- Exercise description: Count up the lines below in which the string "IFCSHAPEREPRESENTATION" appears. The reply should be that number alone.

- Stored data:
::::
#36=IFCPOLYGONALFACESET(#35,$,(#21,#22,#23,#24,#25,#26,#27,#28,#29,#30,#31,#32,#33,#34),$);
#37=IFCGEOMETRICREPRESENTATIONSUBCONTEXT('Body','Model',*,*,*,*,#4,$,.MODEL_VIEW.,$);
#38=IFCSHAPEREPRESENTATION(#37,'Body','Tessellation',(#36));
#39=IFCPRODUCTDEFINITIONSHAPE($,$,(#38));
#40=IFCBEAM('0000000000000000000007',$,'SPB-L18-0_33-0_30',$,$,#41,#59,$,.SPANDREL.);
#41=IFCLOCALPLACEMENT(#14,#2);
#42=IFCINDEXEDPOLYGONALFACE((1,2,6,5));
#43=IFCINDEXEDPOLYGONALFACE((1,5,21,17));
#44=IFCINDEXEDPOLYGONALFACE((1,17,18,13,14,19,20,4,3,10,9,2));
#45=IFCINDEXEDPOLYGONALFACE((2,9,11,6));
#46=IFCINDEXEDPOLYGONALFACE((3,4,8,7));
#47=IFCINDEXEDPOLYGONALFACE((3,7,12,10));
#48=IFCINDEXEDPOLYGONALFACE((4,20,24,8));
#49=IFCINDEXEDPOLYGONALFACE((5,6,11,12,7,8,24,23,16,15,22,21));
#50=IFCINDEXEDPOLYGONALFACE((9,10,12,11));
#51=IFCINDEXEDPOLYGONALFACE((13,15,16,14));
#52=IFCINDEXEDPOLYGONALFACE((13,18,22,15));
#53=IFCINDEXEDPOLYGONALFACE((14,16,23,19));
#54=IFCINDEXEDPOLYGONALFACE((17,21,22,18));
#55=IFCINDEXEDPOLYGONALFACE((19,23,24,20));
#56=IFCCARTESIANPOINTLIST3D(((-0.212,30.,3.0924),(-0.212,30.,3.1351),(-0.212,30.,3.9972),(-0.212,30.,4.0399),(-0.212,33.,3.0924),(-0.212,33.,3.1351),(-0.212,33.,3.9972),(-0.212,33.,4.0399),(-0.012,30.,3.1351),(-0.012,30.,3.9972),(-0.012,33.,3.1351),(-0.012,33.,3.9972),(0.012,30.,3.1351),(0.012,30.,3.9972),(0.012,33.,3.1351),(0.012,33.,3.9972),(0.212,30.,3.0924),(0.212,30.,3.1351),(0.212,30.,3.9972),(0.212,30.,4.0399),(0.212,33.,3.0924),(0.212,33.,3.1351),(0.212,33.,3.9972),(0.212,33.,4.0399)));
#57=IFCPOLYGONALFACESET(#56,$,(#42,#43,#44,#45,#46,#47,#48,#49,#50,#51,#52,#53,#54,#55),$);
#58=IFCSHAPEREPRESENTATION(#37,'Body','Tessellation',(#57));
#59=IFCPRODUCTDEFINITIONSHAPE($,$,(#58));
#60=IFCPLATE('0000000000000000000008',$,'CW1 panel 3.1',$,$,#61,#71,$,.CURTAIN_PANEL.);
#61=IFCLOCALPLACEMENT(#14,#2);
::::
- Written response: 2